Your task >> The result should be every line in the data below that carries the string "IFCRELDEFINESBYTYPE".
*** Supplied information Section Begins ***
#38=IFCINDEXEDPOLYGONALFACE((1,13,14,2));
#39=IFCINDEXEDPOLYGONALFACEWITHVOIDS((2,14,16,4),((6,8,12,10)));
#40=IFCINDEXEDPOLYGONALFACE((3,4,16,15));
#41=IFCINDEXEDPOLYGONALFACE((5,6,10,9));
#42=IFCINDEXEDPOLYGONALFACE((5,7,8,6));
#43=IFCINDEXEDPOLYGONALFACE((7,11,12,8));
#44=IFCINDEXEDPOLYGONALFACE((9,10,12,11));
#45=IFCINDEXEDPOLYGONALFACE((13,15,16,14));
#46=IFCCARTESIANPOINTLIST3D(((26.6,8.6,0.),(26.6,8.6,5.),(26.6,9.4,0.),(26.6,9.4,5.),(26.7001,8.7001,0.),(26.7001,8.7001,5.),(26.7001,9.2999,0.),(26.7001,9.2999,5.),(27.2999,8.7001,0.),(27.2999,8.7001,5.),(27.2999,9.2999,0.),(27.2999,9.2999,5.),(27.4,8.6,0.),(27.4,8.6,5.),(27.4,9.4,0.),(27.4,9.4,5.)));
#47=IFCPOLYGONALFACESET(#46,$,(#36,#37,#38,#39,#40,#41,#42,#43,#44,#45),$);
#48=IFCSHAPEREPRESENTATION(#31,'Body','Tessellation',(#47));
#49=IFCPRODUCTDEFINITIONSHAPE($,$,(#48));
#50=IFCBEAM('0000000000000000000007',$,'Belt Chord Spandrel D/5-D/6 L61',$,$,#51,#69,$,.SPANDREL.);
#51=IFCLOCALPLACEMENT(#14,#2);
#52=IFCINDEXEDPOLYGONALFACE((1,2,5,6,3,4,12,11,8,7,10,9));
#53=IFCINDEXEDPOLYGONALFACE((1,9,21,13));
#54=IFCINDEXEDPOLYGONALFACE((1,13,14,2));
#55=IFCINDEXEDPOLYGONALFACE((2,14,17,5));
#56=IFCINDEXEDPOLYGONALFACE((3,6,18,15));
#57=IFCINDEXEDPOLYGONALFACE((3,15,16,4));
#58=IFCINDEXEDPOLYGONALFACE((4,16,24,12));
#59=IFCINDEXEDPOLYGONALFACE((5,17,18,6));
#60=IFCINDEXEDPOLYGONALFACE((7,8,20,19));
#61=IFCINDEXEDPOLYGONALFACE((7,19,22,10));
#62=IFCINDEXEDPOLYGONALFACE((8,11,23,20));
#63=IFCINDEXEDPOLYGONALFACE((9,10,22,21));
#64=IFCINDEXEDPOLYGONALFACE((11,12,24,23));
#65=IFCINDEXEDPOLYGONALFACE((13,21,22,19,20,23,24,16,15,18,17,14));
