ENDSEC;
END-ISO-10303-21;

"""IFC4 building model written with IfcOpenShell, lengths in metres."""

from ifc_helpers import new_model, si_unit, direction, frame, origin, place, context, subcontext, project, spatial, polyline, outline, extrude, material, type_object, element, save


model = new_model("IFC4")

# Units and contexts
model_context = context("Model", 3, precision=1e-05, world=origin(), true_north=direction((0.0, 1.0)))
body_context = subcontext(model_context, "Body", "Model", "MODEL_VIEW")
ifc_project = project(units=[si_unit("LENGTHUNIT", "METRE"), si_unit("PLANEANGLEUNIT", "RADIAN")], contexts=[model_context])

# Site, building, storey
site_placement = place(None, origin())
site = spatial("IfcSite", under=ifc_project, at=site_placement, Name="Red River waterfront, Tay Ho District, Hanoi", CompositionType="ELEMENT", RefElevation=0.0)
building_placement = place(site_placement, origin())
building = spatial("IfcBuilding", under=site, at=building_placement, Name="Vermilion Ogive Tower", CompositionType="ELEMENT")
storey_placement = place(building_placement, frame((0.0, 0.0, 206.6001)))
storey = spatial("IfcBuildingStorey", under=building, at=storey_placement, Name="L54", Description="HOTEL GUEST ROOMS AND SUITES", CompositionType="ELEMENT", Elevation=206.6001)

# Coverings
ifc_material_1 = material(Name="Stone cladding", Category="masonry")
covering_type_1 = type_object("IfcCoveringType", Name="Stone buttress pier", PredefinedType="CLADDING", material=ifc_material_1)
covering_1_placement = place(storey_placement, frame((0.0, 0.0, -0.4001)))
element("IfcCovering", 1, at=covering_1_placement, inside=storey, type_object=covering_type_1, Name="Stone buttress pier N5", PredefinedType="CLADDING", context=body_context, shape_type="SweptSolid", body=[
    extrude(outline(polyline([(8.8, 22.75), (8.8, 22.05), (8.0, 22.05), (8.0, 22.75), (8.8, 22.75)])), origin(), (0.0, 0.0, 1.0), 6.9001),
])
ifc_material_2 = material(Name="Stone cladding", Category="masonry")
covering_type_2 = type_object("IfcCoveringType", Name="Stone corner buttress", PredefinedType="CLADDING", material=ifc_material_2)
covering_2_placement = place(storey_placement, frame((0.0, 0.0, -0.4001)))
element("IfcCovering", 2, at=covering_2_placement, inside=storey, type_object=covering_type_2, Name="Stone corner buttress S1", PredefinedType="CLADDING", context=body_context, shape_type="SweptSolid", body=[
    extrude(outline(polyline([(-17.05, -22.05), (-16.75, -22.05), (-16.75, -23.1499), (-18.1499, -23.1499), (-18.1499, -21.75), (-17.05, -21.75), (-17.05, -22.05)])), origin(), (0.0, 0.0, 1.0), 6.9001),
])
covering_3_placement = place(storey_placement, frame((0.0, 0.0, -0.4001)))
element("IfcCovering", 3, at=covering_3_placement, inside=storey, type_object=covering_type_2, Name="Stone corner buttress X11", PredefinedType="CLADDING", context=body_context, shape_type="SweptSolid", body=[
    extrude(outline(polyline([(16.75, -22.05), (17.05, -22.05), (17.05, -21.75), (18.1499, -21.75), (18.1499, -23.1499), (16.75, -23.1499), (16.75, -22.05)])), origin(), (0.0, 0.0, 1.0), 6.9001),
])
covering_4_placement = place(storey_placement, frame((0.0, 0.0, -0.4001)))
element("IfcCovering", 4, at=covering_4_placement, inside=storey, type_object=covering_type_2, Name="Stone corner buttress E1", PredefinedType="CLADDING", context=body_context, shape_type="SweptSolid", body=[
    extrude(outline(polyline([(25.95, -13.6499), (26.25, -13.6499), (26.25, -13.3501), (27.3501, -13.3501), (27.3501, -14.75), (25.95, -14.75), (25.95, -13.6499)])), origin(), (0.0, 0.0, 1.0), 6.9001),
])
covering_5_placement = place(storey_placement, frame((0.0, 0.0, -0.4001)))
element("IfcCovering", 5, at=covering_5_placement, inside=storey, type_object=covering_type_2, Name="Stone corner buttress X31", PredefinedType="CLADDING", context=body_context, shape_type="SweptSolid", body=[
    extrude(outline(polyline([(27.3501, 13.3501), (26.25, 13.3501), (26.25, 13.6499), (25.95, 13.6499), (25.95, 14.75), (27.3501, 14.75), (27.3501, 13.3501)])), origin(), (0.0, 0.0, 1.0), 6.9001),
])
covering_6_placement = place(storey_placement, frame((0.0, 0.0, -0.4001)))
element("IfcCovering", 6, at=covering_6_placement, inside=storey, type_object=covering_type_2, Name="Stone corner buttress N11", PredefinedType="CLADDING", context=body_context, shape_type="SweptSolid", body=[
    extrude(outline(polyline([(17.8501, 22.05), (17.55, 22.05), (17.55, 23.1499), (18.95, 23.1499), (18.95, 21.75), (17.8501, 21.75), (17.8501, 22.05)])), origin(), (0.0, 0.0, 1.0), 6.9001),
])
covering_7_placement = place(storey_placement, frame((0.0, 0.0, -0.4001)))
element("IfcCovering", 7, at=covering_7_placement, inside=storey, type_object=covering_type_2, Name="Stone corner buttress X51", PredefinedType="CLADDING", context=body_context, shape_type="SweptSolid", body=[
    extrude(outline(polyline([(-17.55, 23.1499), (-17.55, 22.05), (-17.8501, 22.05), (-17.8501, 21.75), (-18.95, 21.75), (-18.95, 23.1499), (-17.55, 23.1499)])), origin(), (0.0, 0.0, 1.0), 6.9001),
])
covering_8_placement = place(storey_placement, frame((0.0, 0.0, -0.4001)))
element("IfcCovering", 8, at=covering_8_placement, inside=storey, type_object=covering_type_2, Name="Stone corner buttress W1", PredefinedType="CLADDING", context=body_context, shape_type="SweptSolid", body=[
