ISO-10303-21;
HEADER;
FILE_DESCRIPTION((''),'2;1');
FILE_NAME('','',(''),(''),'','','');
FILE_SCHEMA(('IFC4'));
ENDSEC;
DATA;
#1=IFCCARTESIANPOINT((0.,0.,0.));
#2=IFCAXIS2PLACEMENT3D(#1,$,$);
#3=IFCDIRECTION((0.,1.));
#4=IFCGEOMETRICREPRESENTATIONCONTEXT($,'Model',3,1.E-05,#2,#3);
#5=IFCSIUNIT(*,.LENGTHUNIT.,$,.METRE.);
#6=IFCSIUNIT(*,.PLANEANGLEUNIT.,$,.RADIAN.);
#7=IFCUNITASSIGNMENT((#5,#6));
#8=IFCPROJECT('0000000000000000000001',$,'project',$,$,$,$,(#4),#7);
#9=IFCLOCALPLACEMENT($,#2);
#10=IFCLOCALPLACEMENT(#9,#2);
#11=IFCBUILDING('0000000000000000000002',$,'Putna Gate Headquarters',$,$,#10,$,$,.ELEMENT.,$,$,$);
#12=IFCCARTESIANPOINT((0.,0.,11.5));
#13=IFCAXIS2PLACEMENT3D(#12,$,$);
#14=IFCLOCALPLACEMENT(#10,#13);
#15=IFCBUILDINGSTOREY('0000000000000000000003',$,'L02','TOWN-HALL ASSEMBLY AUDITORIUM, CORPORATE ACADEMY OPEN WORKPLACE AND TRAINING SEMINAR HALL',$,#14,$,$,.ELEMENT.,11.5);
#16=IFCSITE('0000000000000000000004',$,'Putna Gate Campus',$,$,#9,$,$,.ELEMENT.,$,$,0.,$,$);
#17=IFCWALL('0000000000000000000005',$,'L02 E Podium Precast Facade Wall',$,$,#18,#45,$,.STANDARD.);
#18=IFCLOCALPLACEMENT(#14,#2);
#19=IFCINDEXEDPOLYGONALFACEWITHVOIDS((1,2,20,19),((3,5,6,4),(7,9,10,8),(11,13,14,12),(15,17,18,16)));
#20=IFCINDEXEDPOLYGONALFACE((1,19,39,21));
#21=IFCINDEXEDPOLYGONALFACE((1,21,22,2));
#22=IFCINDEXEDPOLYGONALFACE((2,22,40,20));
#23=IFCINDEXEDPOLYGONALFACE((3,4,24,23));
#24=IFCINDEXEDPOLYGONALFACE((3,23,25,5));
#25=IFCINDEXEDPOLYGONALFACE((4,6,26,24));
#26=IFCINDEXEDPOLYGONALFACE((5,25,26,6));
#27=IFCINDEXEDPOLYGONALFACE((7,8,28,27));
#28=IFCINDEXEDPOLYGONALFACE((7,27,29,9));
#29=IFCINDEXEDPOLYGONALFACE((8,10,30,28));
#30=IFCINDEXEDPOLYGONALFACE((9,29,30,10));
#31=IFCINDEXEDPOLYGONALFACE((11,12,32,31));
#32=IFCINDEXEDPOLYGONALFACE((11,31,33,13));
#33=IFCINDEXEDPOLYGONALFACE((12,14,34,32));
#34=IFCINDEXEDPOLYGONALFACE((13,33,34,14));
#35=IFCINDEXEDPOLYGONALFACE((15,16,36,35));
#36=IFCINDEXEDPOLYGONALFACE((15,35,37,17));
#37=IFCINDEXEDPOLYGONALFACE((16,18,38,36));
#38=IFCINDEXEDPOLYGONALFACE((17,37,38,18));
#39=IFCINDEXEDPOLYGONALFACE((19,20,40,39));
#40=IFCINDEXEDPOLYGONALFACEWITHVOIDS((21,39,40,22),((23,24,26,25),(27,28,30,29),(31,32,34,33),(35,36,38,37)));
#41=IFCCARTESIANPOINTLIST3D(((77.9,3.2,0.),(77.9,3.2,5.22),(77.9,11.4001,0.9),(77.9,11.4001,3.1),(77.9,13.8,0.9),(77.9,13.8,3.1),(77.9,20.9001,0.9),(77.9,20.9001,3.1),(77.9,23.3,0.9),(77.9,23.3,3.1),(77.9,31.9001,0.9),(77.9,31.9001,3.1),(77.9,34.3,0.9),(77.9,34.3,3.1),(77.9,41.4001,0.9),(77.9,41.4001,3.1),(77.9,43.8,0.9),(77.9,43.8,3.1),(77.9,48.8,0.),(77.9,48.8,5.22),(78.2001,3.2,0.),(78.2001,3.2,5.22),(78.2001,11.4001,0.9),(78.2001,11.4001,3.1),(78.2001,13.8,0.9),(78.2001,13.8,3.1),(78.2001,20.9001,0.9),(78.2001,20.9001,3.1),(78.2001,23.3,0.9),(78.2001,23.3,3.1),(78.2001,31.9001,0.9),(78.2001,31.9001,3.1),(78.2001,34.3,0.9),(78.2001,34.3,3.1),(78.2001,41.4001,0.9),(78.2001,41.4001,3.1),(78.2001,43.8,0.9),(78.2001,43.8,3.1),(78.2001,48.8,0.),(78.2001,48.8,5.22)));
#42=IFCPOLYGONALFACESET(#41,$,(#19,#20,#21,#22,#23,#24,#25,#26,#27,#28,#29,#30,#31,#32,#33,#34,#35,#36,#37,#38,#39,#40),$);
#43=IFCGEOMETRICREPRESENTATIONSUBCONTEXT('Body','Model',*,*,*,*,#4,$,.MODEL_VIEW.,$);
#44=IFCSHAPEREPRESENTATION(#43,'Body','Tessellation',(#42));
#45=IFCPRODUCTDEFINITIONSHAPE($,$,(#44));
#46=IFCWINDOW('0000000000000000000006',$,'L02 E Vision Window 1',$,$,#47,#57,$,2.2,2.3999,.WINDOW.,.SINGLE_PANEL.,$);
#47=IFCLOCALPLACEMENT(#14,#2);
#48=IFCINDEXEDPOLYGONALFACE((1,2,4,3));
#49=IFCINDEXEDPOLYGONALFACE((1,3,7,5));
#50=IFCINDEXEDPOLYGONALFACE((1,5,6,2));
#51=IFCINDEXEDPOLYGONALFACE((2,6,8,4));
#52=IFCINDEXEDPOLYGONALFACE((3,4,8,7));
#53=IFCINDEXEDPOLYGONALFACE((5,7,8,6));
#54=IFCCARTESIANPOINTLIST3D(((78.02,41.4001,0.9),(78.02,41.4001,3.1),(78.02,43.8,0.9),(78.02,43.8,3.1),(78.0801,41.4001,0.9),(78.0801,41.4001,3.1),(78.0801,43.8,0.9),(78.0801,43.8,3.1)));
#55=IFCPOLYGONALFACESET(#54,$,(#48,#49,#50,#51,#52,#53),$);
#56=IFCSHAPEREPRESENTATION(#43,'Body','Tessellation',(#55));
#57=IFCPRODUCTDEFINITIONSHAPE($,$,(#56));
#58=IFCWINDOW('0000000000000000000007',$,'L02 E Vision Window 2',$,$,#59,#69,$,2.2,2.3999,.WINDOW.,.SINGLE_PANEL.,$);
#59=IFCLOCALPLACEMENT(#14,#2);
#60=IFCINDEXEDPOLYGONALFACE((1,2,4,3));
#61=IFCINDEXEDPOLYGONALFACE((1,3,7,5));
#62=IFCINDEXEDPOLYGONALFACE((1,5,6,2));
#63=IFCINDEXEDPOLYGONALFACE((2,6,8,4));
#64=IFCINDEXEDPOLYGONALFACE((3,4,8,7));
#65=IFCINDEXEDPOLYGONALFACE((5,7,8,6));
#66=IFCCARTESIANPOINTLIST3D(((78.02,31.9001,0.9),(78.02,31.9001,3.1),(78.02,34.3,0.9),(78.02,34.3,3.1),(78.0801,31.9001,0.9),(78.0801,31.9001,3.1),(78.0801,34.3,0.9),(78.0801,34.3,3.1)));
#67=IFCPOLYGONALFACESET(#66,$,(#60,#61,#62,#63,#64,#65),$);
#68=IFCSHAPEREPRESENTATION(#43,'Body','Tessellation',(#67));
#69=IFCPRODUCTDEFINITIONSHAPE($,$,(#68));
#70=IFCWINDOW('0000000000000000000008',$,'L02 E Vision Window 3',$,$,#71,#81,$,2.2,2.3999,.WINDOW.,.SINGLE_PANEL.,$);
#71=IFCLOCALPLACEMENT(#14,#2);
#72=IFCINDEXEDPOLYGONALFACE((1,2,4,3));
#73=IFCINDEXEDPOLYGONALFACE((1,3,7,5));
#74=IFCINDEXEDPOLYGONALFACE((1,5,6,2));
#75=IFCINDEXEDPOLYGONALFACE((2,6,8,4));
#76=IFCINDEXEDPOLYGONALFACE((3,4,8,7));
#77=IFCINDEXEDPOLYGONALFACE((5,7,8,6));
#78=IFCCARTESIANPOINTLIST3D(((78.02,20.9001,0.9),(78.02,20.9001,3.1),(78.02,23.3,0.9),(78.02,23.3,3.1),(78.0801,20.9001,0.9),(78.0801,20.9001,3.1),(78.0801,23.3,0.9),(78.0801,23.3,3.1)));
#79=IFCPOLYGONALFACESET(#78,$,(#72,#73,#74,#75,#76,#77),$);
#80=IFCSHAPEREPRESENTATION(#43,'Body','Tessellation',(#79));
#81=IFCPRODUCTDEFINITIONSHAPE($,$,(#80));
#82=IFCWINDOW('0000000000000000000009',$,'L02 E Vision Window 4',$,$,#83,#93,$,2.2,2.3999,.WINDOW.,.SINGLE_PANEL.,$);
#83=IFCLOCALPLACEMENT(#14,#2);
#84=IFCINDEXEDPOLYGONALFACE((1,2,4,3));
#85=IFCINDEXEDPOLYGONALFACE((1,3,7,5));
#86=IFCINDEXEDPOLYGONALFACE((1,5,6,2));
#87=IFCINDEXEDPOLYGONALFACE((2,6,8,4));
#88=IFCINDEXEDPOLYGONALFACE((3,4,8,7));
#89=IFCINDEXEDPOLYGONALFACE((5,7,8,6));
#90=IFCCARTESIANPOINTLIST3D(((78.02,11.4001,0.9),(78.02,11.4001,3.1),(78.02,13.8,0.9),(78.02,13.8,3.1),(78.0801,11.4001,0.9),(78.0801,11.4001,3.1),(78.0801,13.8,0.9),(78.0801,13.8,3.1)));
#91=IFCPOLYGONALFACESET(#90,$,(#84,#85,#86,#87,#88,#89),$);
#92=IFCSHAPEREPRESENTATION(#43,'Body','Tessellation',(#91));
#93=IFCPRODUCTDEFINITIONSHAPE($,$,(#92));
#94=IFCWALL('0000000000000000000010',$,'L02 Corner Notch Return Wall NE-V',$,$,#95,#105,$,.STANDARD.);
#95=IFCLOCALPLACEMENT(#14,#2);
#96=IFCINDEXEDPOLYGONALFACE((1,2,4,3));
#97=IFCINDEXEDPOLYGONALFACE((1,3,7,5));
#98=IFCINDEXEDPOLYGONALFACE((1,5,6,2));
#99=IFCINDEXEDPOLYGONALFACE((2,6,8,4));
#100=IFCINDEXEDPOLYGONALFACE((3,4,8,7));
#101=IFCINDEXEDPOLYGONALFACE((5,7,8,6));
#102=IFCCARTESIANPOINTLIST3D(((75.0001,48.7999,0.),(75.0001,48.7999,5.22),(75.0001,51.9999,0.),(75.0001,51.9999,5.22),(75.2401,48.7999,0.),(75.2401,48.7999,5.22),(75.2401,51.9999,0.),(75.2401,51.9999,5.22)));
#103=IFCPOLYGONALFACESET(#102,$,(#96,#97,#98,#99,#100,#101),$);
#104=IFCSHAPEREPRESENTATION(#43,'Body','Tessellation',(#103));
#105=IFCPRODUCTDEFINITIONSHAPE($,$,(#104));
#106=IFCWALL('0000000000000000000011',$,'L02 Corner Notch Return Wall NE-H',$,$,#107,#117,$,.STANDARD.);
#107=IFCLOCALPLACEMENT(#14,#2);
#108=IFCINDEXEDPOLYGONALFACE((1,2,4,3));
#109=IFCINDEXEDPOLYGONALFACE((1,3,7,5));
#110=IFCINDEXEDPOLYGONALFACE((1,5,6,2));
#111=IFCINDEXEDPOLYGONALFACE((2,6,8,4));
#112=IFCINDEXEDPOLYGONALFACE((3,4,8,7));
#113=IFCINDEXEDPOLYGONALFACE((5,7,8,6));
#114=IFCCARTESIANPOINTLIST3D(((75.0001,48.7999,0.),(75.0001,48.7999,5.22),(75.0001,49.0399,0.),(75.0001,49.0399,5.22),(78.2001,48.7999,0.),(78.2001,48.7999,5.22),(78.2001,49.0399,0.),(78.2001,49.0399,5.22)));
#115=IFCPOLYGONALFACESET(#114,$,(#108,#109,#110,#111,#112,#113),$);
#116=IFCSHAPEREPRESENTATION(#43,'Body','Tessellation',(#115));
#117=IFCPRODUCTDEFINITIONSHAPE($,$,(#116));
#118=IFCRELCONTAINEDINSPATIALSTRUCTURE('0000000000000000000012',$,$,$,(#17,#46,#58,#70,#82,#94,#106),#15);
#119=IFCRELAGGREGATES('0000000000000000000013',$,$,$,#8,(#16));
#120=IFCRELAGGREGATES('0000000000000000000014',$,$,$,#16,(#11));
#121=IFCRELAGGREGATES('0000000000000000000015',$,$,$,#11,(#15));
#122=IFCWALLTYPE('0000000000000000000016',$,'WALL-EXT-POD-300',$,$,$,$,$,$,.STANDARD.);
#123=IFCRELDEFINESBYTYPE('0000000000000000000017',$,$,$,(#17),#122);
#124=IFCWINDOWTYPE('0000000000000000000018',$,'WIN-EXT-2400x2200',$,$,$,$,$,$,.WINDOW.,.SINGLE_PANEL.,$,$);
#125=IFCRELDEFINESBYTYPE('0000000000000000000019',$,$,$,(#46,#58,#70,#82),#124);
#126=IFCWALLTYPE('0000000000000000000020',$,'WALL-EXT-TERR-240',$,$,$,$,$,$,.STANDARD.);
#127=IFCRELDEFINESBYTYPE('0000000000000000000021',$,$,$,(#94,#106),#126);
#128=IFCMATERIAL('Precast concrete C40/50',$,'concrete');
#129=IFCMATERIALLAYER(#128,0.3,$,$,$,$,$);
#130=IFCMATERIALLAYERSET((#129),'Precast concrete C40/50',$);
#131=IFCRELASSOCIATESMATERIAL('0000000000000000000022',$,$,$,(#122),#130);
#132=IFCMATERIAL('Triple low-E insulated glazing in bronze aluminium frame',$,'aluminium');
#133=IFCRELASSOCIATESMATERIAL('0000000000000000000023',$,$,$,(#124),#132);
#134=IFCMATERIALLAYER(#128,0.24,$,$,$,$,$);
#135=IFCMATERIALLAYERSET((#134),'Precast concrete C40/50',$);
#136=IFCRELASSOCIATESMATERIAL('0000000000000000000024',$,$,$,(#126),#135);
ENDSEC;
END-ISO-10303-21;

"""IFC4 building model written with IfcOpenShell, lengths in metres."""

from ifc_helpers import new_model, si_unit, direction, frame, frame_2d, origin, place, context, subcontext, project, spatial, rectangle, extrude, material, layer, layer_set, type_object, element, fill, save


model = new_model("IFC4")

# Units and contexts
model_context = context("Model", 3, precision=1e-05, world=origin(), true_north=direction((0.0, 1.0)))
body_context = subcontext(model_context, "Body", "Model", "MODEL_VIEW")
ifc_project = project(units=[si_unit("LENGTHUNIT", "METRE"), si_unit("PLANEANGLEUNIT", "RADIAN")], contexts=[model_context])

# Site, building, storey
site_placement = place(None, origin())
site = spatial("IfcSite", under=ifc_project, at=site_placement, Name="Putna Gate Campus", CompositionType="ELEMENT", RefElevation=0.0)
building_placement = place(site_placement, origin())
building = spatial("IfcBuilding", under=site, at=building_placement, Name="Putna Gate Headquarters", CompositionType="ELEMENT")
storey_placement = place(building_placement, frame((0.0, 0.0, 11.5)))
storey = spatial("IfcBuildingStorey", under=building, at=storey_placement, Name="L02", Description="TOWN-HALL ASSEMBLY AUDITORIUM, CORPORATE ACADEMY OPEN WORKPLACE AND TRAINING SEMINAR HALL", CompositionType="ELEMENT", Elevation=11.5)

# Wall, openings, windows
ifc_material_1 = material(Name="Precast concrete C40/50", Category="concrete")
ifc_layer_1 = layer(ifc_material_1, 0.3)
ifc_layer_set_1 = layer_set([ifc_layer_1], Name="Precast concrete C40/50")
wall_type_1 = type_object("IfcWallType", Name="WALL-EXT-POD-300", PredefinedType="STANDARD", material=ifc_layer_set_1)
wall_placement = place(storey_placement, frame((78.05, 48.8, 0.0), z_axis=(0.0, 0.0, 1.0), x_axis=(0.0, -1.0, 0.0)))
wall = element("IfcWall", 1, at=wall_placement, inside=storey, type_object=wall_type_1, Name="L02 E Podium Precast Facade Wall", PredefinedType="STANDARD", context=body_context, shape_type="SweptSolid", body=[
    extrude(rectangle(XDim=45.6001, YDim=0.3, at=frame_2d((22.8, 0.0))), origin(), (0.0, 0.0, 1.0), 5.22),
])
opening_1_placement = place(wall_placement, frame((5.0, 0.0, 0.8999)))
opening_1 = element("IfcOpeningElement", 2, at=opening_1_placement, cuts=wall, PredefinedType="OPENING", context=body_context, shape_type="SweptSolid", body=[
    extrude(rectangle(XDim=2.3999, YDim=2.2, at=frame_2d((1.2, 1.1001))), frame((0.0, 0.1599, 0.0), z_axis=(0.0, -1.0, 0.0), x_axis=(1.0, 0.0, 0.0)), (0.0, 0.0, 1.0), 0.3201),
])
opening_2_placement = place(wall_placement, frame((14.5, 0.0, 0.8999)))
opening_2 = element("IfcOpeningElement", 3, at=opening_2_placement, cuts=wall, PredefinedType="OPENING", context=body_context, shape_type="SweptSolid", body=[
*** Supplied information Section Ends ***
Response below >>
#123=IFCRELDEFINESBYTYPE('0000000000000000000017',$,$,$,(#17),#122);
#125=IFCRELDEFINESBYTYPE('0000000000000000000019',$,$,$,(#46,#58,#70,#82),#124);
#127=IFCRELDEFINESBYTYPE('0000000000000000000021',$,$,$,(#94,#106),#126);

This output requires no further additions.